| Exercise brief |
When a line below contains the word "IFCRELAGGREGATES", copy that line.

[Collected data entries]
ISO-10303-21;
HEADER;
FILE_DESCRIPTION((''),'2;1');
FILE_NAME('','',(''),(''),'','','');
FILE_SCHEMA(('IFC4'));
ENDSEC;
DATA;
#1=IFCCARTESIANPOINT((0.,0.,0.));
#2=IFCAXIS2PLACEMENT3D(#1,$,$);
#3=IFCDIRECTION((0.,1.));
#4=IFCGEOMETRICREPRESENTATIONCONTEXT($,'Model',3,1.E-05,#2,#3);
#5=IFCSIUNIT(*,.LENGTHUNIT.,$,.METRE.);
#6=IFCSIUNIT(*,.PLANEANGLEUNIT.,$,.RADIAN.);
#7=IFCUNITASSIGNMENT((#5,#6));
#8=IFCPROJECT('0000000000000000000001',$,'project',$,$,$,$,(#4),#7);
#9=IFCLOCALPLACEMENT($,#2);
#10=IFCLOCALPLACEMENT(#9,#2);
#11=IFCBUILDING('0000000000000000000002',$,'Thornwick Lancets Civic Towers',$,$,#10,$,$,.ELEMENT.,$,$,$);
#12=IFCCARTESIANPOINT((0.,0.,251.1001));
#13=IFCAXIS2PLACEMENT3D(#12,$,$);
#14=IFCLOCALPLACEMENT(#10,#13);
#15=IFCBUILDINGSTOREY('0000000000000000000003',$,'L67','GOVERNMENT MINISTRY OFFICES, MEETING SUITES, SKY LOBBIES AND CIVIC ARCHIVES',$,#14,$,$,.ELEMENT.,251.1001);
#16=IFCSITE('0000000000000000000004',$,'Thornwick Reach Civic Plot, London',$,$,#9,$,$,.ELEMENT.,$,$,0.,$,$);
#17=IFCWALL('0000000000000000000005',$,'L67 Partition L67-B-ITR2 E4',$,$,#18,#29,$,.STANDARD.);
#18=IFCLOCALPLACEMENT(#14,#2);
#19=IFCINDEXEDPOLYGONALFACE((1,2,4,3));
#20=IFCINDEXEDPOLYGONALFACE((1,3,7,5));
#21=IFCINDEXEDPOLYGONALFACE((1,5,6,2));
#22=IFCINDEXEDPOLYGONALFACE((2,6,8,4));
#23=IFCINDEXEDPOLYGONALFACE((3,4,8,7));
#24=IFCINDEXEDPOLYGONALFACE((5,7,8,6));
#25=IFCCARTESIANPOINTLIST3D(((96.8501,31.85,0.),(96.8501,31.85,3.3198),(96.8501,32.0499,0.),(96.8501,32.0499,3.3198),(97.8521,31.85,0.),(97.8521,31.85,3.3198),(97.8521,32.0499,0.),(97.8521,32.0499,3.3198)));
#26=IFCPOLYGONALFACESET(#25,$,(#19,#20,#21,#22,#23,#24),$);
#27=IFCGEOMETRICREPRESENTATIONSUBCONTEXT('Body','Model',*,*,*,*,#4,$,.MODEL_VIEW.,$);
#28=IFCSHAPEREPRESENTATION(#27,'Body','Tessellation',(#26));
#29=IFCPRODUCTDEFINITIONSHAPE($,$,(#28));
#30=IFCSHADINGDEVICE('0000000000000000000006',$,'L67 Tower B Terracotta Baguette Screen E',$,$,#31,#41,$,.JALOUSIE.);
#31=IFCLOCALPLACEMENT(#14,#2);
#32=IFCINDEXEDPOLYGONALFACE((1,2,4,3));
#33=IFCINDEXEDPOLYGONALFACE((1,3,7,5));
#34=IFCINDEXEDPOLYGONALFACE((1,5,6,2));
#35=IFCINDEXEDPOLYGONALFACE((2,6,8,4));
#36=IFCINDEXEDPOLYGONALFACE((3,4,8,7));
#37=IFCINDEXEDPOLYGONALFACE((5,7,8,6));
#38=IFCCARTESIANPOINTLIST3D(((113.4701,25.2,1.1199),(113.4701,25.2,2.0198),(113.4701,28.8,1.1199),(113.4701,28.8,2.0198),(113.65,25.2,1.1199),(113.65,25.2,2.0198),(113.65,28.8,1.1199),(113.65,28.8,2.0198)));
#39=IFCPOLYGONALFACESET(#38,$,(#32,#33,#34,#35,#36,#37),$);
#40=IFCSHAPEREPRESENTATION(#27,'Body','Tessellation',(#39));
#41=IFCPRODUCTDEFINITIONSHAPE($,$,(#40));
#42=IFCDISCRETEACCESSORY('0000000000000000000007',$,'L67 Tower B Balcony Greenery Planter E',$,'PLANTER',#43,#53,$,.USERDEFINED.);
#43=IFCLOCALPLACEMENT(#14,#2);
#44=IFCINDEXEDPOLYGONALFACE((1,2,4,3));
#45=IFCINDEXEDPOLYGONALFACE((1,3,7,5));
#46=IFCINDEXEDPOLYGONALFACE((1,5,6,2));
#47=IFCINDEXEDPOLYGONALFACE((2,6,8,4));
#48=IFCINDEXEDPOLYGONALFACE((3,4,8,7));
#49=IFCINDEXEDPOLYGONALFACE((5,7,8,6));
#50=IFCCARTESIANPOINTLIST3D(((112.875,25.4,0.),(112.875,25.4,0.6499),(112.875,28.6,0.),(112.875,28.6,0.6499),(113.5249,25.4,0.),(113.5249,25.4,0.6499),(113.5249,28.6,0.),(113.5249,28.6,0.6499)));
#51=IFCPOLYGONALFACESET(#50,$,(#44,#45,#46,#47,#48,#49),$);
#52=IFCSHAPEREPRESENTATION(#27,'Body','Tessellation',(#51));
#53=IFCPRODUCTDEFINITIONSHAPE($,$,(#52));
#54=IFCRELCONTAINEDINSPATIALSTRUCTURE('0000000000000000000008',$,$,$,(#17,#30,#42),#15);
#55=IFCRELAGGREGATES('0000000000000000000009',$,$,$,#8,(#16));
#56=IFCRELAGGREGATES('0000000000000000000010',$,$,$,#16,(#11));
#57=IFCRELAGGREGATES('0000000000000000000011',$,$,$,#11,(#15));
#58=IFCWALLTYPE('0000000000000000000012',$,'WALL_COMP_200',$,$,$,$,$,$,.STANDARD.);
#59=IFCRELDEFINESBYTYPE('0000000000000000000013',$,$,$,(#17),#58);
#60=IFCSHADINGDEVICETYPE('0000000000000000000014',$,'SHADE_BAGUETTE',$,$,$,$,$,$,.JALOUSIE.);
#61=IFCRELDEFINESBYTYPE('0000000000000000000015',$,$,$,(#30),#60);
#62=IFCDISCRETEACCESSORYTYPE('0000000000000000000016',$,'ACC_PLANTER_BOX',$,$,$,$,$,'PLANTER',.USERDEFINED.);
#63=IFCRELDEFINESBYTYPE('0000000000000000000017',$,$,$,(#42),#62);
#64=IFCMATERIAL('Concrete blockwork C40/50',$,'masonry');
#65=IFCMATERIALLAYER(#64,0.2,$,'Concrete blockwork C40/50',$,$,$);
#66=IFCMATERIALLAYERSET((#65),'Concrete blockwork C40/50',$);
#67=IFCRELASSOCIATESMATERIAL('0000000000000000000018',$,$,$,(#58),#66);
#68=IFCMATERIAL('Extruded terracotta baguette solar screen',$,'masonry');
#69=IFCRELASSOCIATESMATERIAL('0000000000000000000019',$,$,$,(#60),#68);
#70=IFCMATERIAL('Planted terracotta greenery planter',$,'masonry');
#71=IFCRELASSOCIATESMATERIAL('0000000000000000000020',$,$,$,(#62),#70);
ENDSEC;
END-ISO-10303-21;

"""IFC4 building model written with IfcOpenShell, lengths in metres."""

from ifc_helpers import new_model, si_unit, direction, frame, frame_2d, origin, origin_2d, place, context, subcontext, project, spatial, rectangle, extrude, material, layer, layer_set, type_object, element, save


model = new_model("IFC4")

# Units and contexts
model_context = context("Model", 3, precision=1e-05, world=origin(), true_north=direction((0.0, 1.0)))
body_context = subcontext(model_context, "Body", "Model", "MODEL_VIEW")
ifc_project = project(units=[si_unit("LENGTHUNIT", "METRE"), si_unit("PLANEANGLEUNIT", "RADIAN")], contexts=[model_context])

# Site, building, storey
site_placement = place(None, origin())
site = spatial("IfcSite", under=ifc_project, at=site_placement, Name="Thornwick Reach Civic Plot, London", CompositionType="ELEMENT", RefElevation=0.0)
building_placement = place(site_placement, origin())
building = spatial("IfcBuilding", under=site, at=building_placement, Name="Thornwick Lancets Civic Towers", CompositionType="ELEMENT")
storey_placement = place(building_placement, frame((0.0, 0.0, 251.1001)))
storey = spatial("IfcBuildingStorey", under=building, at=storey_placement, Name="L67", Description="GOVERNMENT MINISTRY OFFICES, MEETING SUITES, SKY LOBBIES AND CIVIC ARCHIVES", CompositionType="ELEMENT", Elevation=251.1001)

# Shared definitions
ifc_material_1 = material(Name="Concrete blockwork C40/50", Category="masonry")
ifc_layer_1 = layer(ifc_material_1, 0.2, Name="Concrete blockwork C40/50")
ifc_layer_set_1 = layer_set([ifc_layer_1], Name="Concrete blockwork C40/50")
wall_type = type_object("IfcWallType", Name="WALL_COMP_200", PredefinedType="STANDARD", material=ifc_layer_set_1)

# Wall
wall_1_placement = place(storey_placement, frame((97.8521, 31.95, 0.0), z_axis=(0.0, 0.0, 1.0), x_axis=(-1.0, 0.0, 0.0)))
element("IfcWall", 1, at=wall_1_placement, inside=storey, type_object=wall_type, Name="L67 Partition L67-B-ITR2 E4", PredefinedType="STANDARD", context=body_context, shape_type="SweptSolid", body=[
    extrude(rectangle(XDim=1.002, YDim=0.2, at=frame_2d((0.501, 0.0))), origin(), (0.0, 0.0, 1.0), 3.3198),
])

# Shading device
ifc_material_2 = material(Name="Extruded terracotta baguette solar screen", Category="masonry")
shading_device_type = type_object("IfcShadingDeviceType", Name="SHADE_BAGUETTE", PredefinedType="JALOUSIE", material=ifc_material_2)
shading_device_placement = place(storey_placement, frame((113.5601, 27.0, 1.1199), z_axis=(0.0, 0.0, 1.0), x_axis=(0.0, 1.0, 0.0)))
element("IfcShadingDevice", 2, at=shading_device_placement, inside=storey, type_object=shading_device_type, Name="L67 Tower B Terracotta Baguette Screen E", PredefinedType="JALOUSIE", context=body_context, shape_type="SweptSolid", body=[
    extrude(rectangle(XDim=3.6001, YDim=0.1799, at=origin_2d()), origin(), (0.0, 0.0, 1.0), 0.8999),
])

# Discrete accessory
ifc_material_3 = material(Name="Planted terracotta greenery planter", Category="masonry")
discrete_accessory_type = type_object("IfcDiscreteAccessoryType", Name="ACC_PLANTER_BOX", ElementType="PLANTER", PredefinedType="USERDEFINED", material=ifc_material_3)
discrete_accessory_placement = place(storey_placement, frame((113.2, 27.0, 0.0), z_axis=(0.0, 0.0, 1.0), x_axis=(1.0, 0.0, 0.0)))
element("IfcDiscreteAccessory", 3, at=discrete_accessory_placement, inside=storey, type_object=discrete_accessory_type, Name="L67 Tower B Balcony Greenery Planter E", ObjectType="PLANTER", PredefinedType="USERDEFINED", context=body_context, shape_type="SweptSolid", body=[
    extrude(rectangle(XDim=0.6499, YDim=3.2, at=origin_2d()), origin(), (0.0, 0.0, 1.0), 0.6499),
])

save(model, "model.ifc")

...

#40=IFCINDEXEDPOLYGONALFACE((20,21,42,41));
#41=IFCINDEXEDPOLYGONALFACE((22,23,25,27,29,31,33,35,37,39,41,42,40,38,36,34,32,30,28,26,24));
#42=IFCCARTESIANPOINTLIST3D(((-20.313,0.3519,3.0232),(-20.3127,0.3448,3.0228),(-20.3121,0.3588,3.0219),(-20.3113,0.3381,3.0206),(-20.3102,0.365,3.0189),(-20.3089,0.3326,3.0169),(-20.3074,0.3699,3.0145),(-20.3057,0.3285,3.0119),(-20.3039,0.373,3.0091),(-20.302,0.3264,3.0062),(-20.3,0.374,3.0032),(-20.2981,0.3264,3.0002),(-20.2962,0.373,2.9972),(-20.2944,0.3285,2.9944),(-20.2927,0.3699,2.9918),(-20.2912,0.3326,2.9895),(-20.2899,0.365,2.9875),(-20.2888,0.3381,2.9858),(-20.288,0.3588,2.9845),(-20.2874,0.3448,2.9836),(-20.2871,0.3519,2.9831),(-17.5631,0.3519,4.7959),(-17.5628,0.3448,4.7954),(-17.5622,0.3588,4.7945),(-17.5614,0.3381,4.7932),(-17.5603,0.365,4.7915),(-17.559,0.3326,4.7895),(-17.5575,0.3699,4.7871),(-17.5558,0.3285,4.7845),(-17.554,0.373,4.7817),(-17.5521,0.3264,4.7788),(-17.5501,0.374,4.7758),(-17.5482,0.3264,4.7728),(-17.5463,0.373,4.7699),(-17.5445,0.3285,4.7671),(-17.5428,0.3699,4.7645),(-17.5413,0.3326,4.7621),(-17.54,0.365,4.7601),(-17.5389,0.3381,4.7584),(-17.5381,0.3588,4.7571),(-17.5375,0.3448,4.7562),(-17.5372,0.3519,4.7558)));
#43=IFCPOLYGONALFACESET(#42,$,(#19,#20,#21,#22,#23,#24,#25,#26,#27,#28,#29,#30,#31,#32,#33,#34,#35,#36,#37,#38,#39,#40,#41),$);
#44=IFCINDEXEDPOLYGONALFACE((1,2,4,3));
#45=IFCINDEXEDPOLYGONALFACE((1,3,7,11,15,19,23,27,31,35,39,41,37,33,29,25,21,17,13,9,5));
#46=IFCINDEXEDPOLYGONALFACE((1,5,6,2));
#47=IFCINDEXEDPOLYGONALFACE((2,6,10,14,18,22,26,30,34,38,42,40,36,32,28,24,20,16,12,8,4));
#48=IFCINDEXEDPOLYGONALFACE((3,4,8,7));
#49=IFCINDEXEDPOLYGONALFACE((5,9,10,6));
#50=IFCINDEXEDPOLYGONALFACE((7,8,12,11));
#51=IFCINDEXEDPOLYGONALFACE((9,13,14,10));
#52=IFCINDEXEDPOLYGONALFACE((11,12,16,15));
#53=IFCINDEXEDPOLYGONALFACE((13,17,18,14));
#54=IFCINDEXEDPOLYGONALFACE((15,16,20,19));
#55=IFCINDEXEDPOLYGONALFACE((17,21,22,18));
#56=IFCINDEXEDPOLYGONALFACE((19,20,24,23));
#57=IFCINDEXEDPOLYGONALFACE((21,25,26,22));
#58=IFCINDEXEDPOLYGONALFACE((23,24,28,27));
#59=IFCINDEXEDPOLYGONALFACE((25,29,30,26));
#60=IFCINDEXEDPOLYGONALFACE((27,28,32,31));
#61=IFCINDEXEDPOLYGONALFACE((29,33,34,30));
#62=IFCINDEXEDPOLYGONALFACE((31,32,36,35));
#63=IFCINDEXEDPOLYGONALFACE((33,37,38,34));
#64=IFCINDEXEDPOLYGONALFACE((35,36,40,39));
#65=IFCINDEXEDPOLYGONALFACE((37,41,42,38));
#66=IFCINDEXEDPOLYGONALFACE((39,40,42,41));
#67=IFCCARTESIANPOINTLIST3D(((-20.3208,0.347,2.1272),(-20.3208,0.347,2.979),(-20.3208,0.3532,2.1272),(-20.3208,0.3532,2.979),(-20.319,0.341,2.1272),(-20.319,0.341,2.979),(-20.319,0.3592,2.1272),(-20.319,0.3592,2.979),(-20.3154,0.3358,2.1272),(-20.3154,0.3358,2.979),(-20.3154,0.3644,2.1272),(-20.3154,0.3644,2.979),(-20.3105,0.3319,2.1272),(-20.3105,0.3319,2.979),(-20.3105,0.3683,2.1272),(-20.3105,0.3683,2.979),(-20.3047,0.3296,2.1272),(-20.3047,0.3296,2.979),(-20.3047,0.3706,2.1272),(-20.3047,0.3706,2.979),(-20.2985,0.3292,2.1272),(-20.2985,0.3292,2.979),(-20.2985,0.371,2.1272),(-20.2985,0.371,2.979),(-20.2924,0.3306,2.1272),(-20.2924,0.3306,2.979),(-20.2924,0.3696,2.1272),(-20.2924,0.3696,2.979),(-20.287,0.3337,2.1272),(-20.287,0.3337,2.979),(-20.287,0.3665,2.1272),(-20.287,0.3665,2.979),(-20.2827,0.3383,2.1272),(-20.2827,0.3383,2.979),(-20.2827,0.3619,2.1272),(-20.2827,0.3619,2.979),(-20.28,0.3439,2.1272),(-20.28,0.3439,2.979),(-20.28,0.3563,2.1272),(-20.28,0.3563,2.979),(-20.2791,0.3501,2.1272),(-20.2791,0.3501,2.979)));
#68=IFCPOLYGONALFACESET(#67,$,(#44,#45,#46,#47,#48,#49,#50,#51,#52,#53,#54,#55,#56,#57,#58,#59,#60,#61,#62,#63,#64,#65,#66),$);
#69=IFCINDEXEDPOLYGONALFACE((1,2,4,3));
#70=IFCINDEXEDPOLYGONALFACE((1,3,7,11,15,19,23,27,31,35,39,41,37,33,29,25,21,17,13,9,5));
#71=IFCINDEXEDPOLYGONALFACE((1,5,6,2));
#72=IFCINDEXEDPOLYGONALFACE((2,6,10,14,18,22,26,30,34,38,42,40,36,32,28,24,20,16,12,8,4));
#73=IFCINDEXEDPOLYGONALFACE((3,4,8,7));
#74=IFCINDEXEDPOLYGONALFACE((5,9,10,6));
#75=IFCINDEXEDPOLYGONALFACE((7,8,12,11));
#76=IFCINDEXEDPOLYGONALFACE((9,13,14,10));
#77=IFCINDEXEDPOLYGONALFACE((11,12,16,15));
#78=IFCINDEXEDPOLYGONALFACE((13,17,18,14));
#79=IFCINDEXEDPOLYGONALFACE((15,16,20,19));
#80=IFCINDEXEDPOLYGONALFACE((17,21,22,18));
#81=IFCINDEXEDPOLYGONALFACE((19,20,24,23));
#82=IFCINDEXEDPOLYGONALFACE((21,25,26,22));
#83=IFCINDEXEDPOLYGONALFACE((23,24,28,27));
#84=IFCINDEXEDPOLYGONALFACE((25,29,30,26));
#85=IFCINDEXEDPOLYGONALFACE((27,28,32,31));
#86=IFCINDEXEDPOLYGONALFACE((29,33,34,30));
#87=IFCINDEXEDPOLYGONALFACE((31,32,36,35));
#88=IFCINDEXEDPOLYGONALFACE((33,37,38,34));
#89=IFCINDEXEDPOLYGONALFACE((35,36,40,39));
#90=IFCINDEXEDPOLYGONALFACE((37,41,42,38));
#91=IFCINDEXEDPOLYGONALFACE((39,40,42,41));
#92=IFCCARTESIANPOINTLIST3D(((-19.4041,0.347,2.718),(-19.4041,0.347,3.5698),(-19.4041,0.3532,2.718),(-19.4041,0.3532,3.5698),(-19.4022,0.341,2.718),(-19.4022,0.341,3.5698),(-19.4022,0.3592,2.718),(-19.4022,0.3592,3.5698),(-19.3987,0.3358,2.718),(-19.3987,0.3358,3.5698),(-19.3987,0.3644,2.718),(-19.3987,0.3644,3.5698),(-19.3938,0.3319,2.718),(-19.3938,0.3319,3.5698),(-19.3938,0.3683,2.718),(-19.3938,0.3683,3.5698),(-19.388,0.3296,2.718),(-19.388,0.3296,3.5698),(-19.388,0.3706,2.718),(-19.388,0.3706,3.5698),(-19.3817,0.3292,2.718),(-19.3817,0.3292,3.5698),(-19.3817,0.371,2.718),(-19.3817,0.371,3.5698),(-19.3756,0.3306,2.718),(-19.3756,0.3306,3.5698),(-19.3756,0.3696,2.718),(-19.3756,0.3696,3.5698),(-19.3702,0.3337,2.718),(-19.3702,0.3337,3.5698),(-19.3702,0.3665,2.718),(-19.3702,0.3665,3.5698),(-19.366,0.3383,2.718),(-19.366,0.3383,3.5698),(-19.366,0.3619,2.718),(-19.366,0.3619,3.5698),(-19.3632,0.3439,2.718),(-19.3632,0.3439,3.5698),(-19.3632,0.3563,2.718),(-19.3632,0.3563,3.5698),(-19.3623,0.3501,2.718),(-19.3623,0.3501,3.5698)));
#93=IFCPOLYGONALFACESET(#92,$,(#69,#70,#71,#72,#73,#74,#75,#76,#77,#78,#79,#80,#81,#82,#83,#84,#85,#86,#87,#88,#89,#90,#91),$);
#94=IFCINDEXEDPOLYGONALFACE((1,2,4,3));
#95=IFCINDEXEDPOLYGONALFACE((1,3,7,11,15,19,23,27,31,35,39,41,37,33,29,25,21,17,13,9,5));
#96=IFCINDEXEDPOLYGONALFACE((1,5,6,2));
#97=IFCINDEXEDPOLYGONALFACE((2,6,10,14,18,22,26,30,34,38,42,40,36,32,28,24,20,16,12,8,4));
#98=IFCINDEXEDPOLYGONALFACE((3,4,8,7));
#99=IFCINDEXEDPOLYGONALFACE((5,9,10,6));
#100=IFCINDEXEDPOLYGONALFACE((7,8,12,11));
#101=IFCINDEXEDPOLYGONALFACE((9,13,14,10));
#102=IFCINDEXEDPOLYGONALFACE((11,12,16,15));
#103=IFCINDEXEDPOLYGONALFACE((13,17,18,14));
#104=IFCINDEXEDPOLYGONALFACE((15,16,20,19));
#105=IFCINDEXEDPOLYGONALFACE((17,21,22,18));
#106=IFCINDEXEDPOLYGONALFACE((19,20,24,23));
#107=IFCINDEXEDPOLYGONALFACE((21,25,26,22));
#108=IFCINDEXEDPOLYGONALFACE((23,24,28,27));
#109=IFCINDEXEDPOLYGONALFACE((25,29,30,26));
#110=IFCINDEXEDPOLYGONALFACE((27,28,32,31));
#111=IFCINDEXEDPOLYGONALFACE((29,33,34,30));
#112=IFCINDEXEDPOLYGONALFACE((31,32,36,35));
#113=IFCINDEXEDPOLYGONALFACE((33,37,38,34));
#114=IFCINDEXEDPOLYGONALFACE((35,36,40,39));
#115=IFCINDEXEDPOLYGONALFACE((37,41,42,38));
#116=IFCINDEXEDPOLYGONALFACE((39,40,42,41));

==

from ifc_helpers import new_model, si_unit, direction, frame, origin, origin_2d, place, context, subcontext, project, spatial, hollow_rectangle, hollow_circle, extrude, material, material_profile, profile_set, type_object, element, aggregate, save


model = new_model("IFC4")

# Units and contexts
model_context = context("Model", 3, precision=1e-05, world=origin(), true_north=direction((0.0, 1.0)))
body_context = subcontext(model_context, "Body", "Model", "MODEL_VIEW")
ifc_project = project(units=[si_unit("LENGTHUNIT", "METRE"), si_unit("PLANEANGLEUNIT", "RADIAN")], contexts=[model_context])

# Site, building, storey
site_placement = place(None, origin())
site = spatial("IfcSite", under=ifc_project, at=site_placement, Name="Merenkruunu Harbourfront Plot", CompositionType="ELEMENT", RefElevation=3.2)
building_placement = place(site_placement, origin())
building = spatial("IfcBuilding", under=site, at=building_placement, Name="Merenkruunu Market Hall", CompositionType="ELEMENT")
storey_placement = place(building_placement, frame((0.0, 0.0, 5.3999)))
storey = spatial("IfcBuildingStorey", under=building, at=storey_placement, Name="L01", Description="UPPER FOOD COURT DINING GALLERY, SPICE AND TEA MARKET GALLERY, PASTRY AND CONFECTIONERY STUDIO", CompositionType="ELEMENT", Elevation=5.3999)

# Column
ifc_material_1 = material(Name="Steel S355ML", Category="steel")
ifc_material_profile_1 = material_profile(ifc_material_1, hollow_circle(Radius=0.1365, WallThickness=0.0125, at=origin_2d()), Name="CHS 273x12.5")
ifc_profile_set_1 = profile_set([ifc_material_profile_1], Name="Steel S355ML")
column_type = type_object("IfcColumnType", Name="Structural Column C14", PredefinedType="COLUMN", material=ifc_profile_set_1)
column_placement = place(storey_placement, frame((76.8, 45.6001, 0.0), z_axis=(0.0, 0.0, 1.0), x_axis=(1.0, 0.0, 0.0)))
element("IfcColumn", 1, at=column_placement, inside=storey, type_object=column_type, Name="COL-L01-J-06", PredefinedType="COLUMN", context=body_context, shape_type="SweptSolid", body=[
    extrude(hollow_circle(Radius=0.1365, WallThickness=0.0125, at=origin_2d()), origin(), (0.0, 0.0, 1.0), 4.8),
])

| Reply to the exercise |
#55=IFCRELAGGREGATES('0000000000000000000009',$,$,$,#8,(#16));
#56=IFCRELAGGREGATES('0000000000000000000010',$,$,$,#16,(#11));
#57=IFCRELAGGREGATES('0000000000000000000011',$,$,$,#11,(#15));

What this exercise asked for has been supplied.